Records from a data source:

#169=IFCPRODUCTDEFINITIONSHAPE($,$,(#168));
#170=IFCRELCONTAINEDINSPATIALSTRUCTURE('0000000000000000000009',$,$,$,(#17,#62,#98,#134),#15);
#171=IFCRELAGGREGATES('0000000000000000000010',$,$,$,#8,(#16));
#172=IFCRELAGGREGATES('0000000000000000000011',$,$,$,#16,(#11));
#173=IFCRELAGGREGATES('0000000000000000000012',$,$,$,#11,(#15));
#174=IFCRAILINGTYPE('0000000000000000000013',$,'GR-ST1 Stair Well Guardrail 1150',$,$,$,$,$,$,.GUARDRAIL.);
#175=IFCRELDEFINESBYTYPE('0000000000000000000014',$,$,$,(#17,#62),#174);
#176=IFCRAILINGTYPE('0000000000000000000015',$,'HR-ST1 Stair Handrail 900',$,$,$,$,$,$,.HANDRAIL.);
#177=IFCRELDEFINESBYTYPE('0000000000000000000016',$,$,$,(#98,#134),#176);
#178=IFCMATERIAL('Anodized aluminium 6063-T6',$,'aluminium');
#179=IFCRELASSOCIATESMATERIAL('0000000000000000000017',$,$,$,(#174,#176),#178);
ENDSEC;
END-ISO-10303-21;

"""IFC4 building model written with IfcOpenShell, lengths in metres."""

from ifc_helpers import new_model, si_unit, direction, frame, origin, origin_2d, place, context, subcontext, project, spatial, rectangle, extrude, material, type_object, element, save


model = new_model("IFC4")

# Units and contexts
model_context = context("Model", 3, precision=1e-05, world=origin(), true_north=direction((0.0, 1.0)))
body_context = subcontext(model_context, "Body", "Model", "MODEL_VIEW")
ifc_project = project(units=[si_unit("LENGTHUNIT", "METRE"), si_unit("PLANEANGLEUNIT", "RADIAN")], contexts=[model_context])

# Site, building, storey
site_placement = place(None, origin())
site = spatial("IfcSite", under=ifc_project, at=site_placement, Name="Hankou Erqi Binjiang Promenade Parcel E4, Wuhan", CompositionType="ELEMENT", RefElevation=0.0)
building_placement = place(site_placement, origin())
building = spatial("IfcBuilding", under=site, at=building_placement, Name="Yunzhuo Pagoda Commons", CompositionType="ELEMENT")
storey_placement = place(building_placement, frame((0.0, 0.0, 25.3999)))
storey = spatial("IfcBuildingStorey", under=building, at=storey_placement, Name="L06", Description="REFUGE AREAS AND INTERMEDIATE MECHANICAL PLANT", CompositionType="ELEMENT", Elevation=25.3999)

#### Aim of the task
Where in the entries does the word "contexts" occur? Copy out each line that has it.

#### Exercise solution
# Units and contexts
ifc_project = project(units=[si_unit("LENGTHUNIT", "METRE"), si_unit("PLANEANGLEUNIT", "RADIAN")], contexts=[model_context])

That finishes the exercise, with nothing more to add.